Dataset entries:
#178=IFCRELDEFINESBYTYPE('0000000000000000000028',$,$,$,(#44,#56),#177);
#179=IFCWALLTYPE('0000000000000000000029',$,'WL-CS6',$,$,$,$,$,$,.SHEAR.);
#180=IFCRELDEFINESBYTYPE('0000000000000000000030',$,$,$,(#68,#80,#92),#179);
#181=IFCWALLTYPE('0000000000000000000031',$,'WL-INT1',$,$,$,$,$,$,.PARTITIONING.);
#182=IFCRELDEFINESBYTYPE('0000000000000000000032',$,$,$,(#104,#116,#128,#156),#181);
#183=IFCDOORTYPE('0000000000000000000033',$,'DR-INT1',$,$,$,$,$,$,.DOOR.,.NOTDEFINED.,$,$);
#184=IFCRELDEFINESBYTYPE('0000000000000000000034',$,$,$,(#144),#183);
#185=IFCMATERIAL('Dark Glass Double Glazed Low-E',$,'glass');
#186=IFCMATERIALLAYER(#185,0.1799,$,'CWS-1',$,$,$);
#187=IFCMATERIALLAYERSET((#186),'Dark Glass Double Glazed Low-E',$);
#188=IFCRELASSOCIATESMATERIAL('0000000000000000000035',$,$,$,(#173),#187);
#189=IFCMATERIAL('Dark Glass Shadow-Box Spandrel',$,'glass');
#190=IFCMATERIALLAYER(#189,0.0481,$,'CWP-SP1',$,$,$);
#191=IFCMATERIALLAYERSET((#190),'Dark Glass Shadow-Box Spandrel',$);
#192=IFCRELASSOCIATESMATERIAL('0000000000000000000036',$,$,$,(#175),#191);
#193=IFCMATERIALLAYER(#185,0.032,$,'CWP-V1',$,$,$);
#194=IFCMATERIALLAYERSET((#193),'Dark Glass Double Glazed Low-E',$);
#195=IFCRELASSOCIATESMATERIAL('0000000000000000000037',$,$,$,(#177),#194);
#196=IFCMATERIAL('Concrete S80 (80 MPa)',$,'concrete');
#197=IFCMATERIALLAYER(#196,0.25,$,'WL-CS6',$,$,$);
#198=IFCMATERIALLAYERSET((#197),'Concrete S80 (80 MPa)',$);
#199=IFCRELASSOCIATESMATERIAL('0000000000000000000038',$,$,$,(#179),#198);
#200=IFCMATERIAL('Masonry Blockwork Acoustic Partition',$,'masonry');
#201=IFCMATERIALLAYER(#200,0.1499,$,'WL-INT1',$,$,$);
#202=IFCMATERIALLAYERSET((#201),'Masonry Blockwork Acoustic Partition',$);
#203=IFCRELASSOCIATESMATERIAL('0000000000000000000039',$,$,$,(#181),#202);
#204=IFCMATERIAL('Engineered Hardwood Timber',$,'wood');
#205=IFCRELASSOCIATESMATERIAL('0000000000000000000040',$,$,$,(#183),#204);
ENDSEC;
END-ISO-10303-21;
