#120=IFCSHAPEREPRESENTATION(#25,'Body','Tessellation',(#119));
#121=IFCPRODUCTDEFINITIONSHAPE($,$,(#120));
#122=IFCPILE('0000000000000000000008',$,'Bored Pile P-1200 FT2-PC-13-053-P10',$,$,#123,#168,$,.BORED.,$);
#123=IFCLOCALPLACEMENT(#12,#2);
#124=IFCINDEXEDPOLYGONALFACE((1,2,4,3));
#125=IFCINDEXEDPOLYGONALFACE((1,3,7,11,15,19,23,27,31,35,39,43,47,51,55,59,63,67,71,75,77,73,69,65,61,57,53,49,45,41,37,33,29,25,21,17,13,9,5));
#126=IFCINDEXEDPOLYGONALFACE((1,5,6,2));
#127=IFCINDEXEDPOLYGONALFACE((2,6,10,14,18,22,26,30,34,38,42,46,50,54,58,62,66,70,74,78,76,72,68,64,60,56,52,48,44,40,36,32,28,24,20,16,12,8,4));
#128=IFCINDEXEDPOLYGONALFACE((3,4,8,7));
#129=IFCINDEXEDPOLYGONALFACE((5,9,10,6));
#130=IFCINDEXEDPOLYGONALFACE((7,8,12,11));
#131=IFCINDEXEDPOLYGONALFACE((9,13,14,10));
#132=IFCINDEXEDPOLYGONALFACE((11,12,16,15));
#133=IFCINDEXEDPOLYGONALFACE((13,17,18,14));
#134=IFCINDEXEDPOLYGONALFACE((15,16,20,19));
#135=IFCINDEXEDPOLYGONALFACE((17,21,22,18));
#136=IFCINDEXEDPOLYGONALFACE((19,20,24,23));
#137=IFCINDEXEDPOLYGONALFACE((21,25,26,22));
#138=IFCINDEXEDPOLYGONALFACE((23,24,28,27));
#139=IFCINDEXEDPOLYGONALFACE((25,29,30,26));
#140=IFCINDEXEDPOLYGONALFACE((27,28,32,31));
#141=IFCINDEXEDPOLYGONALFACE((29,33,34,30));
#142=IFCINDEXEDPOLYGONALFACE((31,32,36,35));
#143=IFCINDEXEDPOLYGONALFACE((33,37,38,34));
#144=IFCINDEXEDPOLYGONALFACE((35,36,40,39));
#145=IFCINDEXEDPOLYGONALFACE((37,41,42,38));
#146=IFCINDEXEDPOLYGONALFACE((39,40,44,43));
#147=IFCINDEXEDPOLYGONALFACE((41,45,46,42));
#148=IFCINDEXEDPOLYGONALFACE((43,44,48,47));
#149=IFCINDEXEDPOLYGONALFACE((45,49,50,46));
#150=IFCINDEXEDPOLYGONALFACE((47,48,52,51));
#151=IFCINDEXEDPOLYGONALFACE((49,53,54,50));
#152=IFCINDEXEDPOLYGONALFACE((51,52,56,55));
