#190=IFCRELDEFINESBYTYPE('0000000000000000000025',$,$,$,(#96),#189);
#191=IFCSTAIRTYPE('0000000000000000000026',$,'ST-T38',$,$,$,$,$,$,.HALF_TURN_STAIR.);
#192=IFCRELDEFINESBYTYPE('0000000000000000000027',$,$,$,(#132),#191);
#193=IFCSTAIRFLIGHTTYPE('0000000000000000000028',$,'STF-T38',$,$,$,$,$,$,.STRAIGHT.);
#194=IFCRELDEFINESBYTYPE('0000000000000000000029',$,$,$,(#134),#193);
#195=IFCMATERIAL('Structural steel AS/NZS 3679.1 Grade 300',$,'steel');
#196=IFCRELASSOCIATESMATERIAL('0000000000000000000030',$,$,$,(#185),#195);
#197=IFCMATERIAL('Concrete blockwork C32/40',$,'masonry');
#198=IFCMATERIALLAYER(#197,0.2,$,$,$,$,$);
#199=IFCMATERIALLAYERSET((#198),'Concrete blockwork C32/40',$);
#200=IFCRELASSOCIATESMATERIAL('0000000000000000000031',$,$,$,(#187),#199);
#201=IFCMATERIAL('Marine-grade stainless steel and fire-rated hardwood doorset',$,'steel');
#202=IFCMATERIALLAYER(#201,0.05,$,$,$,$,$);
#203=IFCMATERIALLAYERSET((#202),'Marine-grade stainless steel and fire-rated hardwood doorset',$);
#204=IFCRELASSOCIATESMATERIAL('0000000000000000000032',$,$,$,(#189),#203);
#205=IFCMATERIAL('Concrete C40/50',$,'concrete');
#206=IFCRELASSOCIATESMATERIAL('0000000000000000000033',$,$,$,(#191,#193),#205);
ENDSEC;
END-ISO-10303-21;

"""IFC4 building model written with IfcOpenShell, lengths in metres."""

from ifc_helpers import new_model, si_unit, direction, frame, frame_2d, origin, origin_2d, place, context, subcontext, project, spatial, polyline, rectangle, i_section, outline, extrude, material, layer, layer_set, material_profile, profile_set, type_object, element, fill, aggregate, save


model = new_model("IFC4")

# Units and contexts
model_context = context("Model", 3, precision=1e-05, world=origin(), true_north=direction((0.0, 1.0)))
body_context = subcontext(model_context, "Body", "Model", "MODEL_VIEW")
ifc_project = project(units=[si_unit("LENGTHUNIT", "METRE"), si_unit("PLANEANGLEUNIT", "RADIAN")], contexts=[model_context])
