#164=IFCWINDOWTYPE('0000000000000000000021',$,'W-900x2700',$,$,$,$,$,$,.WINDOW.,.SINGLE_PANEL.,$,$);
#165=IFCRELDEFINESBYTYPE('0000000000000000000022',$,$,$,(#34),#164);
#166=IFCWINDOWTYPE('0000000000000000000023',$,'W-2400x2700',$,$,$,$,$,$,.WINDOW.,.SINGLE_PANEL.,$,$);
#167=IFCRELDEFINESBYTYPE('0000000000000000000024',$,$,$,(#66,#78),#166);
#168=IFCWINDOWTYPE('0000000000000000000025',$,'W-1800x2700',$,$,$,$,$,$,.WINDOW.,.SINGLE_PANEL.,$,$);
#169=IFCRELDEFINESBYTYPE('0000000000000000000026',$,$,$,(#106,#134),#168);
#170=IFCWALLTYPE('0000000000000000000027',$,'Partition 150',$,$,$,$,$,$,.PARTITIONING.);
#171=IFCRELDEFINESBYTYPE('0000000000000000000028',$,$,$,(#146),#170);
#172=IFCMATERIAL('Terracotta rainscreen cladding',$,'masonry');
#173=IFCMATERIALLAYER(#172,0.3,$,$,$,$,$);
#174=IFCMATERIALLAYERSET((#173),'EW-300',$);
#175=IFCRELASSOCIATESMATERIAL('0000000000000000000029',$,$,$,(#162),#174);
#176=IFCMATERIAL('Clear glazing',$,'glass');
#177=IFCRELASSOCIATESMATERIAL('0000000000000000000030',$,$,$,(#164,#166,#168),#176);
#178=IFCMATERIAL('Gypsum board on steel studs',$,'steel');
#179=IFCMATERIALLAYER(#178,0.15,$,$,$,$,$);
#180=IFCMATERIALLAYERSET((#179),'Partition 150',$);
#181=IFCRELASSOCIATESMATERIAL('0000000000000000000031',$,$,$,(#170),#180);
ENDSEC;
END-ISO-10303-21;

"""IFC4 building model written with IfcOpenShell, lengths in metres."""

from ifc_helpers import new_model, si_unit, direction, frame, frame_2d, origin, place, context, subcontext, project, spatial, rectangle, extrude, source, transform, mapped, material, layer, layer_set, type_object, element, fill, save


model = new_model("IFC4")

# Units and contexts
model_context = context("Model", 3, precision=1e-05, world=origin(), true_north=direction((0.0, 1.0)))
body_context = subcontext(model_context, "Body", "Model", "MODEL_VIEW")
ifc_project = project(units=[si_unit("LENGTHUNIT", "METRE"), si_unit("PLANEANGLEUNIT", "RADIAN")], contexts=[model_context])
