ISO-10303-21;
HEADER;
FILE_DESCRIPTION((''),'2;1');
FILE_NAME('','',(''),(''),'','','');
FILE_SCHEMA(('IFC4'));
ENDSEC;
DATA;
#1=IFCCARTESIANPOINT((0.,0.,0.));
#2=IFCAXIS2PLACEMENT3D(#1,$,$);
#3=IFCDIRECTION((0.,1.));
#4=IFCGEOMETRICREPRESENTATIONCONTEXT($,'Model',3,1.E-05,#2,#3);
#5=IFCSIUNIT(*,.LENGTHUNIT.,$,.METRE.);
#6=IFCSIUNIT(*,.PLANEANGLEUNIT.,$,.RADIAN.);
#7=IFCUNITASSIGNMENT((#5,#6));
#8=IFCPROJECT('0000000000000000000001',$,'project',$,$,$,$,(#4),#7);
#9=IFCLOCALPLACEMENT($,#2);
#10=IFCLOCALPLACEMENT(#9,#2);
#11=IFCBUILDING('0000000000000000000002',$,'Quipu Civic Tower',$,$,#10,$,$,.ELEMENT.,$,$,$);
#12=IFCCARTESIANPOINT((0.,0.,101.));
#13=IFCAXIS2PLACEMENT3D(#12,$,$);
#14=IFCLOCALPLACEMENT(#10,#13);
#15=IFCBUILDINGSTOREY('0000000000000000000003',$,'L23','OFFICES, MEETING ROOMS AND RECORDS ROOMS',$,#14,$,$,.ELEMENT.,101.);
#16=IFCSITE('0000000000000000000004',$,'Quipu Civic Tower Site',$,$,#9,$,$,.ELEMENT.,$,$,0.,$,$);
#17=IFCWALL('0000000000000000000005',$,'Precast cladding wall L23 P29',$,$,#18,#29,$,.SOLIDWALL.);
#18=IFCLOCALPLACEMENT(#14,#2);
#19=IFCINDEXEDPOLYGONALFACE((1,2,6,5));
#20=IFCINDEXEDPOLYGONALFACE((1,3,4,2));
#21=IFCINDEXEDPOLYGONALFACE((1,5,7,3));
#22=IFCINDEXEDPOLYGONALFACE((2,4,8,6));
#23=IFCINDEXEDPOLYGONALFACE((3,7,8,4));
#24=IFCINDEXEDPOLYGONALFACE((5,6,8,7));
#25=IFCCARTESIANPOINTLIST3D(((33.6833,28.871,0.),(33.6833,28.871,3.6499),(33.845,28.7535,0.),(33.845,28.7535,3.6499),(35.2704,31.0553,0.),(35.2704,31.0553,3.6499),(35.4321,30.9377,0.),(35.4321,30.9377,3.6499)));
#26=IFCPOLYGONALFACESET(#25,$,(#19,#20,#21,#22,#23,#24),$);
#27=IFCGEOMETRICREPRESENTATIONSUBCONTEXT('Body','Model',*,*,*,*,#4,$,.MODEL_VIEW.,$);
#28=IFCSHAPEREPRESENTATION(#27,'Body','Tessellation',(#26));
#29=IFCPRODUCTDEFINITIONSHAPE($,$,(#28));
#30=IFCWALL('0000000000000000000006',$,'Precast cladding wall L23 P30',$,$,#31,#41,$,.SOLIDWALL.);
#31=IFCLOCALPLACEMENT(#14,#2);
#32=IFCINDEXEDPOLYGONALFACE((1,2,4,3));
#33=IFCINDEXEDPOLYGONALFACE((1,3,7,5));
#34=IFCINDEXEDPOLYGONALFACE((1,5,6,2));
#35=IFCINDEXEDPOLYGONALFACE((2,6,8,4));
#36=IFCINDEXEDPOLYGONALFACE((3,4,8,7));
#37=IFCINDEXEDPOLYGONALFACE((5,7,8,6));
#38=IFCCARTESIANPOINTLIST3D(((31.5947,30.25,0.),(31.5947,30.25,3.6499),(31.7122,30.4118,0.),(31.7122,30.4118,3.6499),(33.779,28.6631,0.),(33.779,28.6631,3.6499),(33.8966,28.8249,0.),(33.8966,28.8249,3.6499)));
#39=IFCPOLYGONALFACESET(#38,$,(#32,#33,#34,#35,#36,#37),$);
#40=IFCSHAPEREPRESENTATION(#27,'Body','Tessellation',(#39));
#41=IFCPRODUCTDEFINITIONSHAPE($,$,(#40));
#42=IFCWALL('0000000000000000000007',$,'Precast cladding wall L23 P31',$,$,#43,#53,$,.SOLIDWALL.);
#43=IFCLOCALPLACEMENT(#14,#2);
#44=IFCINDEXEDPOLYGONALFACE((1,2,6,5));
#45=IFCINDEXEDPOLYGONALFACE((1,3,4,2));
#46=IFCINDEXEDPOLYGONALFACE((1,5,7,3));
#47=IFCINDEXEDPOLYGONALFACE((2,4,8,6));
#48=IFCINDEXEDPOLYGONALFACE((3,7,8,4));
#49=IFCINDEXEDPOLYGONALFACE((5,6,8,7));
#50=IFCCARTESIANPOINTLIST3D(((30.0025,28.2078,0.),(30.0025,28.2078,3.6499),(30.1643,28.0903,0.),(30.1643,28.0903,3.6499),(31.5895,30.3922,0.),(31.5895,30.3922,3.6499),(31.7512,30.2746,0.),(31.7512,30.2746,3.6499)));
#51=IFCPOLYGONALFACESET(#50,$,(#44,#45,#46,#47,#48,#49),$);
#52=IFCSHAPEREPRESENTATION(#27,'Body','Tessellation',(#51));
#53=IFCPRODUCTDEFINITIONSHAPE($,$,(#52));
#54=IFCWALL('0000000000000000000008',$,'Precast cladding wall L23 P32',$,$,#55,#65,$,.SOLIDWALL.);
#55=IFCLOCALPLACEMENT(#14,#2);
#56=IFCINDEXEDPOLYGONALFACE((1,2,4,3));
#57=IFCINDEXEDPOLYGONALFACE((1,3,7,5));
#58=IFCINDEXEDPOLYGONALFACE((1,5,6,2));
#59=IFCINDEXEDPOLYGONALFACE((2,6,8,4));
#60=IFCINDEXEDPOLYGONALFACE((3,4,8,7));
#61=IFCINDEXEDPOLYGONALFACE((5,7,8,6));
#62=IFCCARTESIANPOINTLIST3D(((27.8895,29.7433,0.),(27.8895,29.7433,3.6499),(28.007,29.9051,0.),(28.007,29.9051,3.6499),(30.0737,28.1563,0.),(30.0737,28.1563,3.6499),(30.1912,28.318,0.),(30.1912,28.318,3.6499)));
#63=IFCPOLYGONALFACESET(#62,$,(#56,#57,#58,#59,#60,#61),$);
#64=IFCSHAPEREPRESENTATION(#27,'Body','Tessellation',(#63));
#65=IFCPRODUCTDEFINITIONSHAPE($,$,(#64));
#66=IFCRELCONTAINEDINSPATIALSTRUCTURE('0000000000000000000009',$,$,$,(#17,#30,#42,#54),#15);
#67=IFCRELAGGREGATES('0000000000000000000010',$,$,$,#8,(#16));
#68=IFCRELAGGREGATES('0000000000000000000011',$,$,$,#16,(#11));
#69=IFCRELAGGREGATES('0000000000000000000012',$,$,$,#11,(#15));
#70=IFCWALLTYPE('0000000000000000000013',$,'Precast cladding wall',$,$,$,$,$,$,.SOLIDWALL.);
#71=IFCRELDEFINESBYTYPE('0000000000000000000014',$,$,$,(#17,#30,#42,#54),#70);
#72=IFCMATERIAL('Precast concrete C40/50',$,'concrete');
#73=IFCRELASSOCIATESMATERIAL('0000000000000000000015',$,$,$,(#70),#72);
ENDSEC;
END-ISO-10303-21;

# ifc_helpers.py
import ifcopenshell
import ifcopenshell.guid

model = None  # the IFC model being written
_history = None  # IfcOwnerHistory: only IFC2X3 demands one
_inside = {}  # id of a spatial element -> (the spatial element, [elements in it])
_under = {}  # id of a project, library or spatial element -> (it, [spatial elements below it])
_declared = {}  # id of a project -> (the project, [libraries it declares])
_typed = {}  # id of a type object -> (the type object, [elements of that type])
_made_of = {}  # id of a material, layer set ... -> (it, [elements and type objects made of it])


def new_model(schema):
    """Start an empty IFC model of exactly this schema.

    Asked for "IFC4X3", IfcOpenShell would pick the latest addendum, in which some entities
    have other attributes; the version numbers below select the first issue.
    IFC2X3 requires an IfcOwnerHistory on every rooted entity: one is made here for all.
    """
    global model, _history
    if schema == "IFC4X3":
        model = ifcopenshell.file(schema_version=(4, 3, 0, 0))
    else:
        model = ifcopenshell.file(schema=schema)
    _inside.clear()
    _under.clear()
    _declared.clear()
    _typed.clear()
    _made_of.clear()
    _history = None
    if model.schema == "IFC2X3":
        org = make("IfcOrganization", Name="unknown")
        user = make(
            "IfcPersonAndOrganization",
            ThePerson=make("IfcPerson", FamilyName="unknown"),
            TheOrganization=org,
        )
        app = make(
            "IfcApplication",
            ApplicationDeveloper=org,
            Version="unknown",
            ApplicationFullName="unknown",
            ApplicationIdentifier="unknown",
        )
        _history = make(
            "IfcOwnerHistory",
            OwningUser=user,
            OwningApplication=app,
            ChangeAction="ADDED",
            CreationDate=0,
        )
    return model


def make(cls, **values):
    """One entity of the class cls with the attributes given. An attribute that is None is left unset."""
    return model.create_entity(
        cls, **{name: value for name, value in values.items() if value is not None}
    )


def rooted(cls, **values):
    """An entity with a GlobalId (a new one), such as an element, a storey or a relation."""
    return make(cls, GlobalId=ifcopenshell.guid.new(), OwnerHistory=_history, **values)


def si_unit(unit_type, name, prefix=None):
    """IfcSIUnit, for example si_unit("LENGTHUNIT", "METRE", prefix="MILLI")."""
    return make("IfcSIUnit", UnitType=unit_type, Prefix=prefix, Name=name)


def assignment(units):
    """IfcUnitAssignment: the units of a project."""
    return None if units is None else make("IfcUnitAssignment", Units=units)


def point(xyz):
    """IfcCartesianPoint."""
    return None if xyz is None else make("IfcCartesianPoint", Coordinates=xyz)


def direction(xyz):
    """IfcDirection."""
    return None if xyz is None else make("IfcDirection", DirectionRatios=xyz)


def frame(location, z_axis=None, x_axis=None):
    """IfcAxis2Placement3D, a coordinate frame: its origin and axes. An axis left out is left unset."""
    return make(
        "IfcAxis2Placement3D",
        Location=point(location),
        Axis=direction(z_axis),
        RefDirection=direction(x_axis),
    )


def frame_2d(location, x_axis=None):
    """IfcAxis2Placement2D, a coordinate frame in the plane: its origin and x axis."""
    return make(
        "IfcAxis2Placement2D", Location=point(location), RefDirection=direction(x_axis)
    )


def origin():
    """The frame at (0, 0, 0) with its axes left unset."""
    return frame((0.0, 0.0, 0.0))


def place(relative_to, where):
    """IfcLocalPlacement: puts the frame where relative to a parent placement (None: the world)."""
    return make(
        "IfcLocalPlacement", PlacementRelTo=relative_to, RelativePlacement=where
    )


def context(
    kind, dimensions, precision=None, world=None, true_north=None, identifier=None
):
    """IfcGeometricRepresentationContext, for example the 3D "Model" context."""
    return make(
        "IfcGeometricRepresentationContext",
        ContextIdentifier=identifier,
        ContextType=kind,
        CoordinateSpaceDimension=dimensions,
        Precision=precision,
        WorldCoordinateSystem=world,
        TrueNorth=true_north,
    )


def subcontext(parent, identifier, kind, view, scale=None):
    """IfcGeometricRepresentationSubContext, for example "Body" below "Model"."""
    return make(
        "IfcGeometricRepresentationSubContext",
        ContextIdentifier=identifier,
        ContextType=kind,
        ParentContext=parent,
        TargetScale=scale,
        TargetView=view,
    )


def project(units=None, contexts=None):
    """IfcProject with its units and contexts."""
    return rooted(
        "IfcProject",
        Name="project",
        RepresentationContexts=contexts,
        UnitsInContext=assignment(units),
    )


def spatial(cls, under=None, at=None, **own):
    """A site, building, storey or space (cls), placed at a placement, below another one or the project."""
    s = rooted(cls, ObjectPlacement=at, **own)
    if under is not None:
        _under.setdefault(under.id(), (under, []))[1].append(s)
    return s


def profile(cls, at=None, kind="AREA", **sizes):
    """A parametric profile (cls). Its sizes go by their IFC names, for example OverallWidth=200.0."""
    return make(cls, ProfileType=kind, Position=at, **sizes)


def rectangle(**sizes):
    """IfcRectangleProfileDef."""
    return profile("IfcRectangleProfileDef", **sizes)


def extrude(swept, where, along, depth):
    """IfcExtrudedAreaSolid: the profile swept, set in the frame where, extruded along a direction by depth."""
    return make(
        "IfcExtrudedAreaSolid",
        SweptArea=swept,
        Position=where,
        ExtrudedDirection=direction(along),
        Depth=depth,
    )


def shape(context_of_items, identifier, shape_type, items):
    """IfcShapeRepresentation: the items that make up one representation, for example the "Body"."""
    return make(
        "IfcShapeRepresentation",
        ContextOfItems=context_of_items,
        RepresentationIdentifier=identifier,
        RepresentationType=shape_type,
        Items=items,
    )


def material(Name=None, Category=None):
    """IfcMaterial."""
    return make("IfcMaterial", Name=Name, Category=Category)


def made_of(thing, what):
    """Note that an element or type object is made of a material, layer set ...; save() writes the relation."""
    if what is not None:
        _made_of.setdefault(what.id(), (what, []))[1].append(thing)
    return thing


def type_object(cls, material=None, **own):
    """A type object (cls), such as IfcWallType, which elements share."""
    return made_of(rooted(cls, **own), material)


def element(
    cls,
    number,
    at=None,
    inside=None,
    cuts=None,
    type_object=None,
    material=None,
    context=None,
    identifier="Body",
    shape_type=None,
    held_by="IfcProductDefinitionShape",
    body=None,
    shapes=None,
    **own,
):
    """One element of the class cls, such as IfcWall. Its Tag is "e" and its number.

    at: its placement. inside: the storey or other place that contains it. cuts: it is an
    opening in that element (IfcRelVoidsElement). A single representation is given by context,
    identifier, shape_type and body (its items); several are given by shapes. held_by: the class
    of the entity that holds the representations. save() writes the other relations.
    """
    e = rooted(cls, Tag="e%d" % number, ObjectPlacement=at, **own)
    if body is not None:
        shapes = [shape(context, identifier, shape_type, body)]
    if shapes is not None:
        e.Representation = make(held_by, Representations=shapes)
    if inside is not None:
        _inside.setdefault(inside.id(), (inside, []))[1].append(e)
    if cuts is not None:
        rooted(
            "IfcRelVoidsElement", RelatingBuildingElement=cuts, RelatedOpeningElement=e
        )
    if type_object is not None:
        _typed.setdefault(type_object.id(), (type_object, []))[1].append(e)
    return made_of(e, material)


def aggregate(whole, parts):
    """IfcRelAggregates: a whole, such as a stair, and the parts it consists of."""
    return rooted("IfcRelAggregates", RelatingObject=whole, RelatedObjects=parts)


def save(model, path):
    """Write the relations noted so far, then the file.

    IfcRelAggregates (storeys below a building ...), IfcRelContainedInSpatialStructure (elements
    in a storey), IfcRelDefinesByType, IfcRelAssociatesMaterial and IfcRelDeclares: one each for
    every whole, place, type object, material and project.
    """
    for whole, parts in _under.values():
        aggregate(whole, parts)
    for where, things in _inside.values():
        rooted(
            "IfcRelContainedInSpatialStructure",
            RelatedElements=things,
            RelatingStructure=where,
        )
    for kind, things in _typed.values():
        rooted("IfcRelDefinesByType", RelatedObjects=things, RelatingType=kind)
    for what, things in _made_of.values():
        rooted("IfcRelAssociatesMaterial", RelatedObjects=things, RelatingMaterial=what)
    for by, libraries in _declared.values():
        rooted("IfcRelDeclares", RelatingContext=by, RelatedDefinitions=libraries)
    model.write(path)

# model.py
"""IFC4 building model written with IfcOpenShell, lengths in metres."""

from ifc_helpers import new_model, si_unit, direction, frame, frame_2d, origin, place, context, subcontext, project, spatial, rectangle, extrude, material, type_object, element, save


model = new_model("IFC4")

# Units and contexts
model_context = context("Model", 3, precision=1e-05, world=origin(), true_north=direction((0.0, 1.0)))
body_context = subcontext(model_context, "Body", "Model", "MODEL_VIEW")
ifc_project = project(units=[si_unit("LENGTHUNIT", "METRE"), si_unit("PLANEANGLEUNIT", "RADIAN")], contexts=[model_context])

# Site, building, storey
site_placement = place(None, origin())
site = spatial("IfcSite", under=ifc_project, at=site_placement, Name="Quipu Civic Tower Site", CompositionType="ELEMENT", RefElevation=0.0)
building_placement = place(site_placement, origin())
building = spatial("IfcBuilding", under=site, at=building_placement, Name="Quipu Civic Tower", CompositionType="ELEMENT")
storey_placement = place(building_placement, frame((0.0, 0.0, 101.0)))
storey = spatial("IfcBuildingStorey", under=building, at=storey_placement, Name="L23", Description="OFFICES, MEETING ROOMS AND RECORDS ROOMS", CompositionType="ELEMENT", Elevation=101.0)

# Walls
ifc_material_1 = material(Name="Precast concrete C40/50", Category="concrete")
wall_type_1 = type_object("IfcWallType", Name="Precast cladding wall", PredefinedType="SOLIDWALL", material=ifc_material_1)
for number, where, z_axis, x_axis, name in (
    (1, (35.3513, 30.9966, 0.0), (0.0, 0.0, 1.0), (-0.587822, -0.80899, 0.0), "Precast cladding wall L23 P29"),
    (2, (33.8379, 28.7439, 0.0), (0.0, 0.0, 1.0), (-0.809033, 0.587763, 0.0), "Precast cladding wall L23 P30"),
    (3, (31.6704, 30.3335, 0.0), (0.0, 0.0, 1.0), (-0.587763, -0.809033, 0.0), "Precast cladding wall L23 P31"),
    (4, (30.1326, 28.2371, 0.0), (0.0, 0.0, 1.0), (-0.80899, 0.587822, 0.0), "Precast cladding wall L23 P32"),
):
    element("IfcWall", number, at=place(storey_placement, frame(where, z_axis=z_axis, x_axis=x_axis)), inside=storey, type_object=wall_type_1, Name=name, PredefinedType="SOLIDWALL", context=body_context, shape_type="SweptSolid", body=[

Exercise directions:
What you return must be an exact retyping of the lines above starting at the line with "if inside is" and ending at the line with "a whole, such", and nothing besides.

Task result:
    if inside is not None:
        _inside.setdefault(inside.id(), (inside, []))[1].append(e)
    if cuts is not None:
        rooted(
            "IfcRelVoidsElement", RelatingBuildingElement=cuts, RelatedOpeningElement=e
        )
    if type_object is not None:
        _typed.setdefault(type_object.id(), (type_object, []))[1].append(e)
    return made_of(e, material)


def aggregate(whole, parts):
    """IfcRelAggregates: a whole, such as a stair, and the parts it consists of."""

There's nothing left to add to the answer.